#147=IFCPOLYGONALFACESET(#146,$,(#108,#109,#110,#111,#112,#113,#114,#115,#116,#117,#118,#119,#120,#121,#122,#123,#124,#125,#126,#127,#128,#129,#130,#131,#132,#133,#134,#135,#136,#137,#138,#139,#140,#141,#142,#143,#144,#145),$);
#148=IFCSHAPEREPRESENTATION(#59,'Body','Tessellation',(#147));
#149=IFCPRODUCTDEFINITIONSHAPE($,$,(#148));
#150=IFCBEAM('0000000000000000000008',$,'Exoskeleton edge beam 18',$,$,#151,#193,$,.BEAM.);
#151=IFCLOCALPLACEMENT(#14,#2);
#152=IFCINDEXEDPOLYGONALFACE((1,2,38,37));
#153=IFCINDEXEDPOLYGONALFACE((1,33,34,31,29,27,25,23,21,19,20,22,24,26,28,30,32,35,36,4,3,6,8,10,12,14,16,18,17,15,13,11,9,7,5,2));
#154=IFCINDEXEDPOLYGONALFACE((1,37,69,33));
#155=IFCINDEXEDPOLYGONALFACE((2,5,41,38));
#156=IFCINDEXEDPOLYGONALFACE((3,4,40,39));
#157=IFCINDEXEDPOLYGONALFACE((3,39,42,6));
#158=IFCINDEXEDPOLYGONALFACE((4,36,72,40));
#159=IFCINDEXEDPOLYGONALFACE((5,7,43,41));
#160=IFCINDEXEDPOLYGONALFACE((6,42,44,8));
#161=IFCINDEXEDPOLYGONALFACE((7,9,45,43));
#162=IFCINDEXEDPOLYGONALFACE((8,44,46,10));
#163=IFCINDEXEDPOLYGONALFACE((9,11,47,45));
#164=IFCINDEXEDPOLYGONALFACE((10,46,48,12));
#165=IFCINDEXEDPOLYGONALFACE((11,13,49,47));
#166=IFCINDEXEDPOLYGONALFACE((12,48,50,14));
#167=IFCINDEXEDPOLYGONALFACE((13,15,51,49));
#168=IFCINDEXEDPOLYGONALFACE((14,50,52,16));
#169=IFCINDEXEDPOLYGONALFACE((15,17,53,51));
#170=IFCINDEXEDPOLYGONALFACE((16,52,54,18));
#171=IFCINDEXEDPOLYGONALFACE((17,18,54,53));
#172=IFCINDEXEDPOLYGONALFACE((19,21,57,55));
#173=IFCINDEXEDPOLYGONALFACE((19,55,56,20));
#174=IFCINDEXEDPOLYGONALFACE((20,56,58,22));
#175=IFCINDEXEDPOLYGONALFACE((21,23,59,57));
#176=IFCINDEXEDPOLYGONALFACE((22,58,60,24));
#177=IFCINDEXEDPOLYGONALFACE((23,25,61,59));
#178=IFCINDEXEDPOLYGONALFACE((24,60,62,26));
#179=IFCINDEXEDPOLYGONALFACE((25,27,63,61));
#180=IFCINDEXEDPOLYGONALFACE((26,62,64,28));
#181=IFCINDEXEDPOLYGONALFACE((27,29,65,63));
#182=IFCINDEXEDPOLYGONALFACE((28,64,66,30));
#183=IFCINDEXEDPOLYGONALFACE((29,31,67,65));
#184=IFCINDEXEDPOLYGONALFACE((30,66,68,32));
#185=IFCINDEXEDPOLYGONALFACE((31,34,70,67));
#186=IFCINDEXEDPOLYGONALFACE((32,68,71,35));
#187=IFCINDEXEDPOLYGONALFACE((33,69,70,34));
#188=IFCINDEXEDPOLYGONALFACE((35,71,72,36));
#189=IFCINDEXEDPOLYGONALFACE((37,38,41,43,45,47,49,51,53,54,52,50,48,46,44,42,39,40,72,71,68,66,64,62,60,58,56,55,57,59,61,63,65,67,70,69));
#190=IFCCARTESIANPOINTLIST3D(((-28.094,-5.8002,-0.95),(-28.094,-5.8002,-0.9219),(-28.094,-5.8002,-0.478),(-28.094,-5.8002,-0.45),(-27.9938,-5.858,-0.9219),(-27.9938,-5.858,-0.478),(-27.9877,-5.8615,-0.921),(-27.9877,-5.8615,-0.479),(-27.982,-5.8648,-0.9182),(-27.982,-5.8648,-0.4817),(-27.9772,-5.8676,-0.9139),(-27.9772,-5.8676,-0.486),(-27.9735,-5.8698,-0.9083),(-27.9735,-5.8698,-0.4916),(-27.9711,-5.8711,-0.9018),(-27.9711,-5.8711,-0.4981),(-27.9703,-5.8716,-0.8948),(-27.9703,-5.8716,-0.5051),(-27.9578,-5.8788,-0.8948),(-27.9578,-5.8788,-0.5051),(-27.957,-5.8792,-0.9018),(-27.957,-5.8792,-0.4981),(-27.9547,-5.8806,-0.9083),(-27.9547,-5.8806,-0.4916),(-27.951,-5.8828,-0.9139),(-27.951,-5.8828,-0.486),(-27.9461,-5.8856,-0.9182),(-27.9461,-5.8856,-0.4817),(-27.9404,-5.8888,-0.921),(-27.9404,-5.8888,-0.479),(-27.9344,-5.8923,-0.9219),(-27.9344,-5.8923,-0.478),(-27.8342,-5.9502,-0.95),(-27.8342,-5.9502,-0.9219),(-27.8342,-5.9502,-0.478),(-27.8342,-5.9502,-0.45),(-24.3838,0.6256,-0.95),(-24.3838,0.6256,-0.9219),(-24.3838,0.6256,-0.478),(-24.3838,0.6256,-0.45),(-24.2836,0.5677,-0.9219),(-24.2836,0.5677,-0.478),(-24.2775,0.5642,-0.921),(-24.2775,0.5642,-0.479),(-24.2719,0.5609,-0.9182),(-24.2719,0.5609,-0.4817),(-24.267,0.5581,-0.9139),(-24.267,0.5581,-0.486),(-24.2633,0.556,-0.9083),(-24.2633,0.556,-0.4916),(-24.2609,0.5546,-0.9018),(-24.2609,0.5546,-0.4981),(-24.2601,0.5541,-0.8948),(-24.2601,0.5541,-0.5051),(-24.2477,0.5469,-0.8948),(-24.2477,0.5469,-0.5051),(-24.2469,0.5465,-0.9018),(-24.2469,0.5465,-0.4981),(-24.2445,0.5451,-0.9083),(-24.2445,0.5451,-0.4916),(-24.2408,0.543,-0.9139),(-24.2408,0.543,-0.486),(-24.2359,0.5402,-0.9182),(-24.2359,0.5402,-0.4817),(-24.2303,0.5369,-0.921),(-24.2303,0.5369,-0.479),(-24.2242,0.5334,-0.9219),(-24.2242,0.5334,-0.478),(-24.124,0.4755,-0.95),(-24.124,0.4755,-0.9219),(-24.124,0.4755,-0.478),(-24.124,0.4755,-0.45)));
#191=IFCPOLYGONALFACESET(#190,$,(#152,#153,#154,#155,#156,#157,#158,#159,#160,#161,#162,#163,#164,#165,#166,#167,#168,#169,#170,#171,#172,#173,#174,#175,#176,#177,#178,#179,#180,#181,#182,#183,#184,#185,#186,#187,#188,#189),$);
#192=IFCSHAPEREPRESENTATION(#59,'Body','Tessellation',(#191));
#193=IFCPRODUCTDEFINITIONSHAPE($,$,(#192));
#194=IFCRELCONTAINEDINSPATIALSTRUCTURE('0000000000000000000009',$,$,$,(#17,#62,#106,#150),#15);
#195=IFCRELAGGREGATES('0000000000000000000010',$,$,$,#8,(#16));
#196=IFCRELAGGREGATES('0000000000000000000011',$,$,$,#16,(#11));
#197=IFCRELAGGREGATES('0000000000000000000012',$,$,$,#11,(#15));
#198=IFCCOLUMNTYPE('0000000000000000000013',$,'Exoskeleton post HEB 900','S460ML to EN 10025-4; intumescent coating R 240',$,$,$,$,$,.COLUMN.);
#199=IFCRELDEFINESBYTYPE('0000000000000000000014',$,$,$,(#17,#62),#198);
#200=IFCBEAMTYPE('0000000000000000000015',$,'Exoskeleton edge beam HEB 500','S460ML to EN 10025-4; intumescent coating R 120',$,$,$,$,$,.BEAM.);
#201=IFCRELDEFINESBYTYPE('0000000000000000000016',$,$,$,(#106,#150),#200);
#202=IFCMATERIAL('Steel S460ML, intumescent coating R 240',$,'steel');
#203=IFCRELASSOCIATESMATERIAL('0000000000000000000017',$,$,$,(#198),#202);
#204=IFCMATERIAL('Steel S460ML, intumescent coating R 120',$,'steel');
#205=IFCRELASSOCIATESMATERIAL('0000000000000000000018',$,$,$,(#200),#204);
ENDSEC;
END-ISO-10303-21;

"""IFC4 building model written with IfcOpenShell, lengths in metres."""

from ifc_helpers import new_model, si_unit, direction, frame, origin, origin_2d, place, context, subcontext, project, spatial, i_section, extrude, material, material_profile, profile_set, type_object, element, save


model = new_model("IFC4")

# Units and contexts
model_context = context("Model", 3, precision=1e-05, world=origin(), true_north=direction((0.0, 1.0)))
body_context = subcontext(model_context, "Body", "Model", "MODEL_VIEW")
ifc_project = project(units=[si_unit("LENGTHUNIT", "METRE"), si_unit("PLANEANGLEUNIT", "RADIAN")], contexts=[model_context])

-------------------------

The problem: Please reproduce exactly the lines in the listing above from the one containing "#163=IFCINDEXEDPOLYGONALFACE((9,11,47,45));" through the one containing "#172=IFCINDEXEDPOLYGONALFACE((19,21,57,55));", both included, and nothing more.

Written answer:
#163=IFCINDEXEDPOLYGONALFACE((9,11,47,45));
#164=IFCINDEXEDPOLYGONALFACE((10,46,48,12));
#165=IFCINDEXEDPOLYGONALFACE((11,13,49,47));
#166=IFCINDEXEDPOLYGONALFACE((12,48,50,14));
#167=IFCINDEXEDPOLYGONALFACE((13,15,51,49));
#168=IFCINDEXEDPOLYGONALFACE((14,50,52,16));
#169=IFCINDEXEDPOLYGONALFACE((15,17,53,51));
#170=IFCINDEXEDPOLYGONALFACE((16,52,54,18));
#171=IFCINDEXEDPOLYGONALFACE((17,18,54,53));
#172=IFCINDEXEDPOLYGONALFACE((19,21,57,55));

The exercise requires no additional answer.